• **WHAT YOU WILL DO**:
Every entry below needs to be copied exactly.

INFORMATION START

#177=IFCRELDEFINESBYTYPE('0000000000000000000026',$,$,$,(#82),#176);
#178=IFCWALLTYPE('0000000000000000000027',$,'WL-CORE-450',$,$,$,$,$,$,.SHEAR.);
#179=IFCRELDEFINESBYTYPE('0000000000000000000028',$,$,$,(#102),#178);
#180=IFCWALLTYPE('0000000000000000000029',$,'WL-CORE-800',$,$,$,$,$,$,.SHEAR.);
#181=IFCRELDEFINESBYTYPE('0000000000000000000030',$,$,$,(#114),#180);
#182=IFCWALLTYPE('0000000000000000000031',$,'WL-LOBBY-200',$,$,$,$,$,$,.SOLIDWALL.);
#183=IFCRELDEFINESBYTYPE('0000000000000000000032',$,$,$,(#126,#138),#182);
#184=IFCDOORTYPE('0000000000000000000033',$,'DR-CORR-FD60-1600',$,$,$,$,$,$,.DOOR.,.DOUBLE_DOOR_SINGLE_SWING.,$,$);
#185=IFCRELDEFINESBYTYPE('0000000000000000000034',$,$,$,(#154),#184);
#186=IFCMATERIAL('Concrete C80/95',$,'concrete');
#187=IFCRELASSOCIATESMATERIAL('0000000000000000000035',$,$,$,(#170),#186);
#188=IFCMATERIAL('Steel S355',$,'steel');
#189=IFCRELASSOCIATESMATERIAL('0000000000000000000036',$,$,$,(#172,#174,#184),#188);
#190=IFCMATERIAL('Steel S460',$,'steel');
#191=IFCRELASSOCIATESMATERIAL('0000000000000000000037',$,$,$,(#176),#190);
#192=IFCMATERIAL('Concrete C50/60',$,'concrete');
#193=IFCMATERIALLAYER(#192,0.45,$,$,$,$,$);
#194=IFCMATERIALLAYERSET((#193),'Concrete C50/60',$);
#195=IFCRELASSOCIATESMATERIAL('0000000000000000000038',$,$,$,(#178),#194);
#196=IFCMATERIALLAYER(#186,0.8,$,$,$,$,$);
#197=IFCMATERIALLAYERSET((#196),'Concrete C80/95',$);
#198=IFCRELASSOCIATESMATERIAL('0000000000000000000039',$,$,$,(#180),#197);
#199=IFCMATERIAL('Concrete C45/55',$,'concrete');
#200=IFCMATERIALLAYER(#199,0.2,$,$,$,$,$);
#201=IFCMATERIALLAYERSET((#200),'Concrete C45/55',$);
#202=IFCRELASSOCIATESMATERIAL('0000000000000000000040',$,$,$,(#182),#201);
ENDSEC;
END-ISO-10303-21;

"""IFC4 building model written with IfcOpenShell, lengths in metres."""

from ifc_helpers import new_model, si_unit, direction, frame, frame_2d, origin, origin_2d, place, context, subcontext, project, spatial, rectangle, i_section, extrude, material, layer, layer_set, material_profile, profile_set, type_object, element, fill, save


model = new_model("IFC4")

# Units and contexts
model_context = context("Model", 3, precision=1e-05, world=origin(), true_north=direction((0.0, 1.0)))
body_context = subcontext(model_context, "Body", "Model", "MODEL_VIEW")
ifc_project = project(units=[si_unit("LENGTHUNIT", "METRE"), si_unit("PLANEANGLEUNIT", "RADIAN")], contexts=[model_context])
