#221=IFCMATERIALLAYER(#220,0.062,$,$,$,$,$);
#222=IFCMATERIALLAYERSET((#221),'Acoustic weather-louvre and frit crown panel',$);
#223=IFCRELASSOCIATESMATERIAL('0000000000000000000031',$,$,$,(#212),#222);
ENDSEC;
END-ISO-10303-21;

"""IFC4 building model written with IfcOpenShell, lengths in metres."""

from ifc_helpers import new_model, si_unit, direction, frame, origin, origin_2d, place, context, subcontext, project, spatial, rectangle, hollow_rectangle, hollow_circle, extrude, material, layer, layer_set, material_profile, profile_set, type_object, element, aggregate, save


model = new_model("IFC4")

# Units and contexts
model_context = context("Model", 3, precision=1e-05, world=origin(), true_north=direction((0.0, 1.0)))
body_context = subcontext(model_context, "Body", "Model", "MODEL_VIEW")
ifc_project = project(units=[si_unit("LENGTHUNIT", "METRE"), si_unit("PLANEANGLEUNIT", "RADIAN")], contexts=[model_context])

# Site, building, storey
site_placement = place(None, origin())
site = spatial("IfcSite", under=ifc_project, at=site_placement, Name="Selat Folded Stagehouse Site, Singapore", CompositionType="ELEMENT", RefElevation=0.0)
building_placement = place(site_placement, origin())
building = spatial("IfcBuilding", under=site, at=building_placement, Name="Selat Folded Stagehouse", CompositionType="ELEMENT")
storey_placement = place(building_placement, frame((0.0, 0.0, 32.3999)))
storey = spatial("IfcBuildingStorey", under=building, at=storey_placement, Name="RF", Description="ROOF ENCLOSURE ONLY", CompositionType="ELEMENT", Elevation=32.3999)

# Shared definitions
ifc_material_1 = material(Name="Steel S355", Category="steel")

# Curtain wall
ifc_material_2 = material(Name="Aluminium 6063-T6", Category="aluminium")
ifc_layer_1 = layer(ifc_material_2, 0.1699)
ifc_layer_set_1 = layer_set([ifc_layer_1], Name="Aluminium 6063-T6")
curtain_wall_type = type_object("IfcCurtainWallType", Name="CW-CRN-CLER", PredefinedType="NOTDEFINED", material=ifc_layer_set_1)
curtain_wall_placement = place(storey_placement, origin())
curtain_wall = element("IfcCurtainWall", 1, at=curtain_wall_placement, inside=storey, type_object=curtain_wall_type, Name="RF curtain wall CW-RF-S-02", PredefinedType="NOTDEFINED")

INFORMATION END

• **SOLVED PROBLEM**:
#177=IFCRELDEFINESBYTYPE('0000000000000000000026',$,$,$,(#82),#176);
#178=IFCWALLTYPE('0000000000000000000027',$,'WL-CORE-450',$,$,$,$,$,$,.SHEAR.);
#179=IFCRELDEFINESBYTYPE('0000000000000000000028',$,$,$,(#102),#178);
#180=IFCWALLTYPE('0000000000000000000029',$,'WL-CORE-800',$,$,$,$,$,$,.SHEAR.);
#181=IFCRELDEFINESBYTYPE('0000000000000000000030',$,$,$,(#114),#180);
#182=IFCWALLTYPE('0000000000000000000031',$,'WL-LOBBY-200',$,$,$,$,$,$,.SOLIDWALL.);
#183=IFCRELDEFINESBYTYPE('0000000000000000000032',$,$,$,(#126,#138),#182);
#184=IFCDOORTYPE('0000000000000000000033',$,'DR-CORR-FD60-1600',$,$,$,$,$,$,.DOOR.,.DOUBLE_DOOR_SINGLE_SWING.,$,$);
#185=IFCRELDEFINESBYTYPE('0000000000000000000034',$,$,$,(#154),#184);
#186=IFCMATERIAL('Concrete C80/95',$,'concrete');
#187=IFCRELASSOCIATESMATERIAL('0000000000000000000035',$,$,$,(#170),#186);
#188=IFCMATERIAL('Steel S355',$,'steel');
#189=IFCRELASSOCIATESMATERIAL('0000000000000000000036',$,$,$,(#172,#174,#184),#188);
#190=IFCMATERIAL('Steel S460',$,'steel');
#191=IFCRELASSOCIATESMATERIAL('0000000000000000000037',$,$,$,(#176),#190);
#192=IFCMATERIAL('Concrete C50/60',$,'concrete');
#193=IFCMATERIALLAYER(#192,0.45,$,$,$,$,$);
#194=IFCMATERIALLAYERSET((#193),'Concrete C50/60',$);
#195=IFCRELASSOCIATESMATERIAL('0000000000000000000038',$,$,$,(#178),#194);
#196=IFCMATERIALLAYER(#186,0.8,$,$,$,$,$);
#197=IFCMATERIALLAYERSET((#196),'Concrete C80/95',$);
#198=IFCRELASSOCIATESMATERIAL('0000000000000000000039',$,$,$,(#180),#197);
#199=IFCMATERIAL('Concrete C45/55',$,'concrete');
#200=IFCMATERIALLAYER(#199,0.2,$,$,$,$,$);
#201=IFCMATERIALLAYERSET((#200),'Concrete C45/55',$);
#202=IFCRELASSOCIATESMATERIAL('0000000000000000000040',$,$,$,(#182),#201);
ENDSEC;
END-ISO-10303-21;

"""IFC4 building model written with IfcOpenShell, lengths in metres."""

from ifc_helpers import new_model, si_unit, direction, frame, frame_2d, origin, origin_2d, place, context, subcontext, project, spatial, rectangle, i_section, extrude, material, layer, layer_set, material_profile, profile_set, type_object, element, fill, save


model = new_model("IFC4")

# Units and contexts
model_context = context("Model", 3, precision=1e-05, world=origin(), true_north=direction((0.0, 1.0)))
body_context = subcontext(model_context, "Body", "Model", "MODEL_VIEW")
ifc_project = project(units=[si_unit("LENGTHUNIT", "METRE"), si_unit("PLANEANGLEUNIT", "RADIAN")], contexts=[model_context])
#221=IFCMATERIALLAYER(#220,0.062,$,$,$,$,$);
#222=IFCMATERIALLAYERSET((#221),'Acoustic weather-louvre and frit crown panel',$);
#223=IFCRELASSOCIATESMATERIAL('0000000000000000000031',$,$,$,(#212),#222);
ENDSEC;
END-ISO-10303-21;

"""IFC4 building model written with IfcOpenShell, lengths in metres."""

from ifc_helpers import new_model, si_unit, direction, frame, origin, origin_2d, place, context, subcontext, project, spatial, rectangle, hollow_rectangle, hollow_circle, extrude, material, layer, layer_set, material_profile, profile_set, type_object, element, aggregate, save


model = new_model("IFC4")

# Units and contexts
model_context = context("Model", 3, precision=1e-05, world=origin(), true_north=direction((0.0, 1.0)))
body_context = subcontext(model_context, "Body", "Model", "MODEL_VIEW")
ifc_project = project(units=[si_unit("LENGTHUNIT", "METRE"), si_unit("PLANEANGLEUNIT", "RADIAN")], contexts=[model_context])

# Site, building, storey
site_placement = place(None, origin())
site = spatial("IfcSite", under=ifc_project, at=site_placement, Name="Selat Folded Stagehouse Site, Singapore", CompositionType="ELEMENT", RefElevation=0.0)
building_placement = place(site_placement, origin())
building = spatial("IfcBuilding", under=site, at=building_placement, Name="Selat Folded Stagehouse", CompositionType="ELEMENT")
storey_placement = place(building_placement, frame((0.0, 0.0, 32.3999)))
storey = spatial("IfcBuildingStorey", under=building, at=storey_placement, Name="RF", Description="ROOF ENCLOSURE ONLY", CompositionType="ELEMENT", Elevation=32.3999)

# Shared definitions
ifc_material_1 = material(Name="Steel S355", Category="steel")

# Curtain wall
ifc_material_2 = material(Name="Aluminium 6063-T6", Category="aluminium")
ifc_layer_1 = layer(ifc_material_2, 0.1699)
ifc_layer_set_1 = layer_set([ifc_layer_1], Name="Aluminium 6063-T6")
curtain_wall_type = type_object("IfcCurtainWallType", Name="CW-CRN-CLER", PredefinedType="NOTDEFINED", material=ifc_layer_set_1)
curtain_wall_placement = place(storey_placement, origin())
curtain_wall = element("IfcCurtainWall", 1, at=curtain_wall_placement, inside=storey, type_object=curtain_wall_type, Name="RF curtain wall CW-RF-S-02", PredefinedType="NOTDEFINED")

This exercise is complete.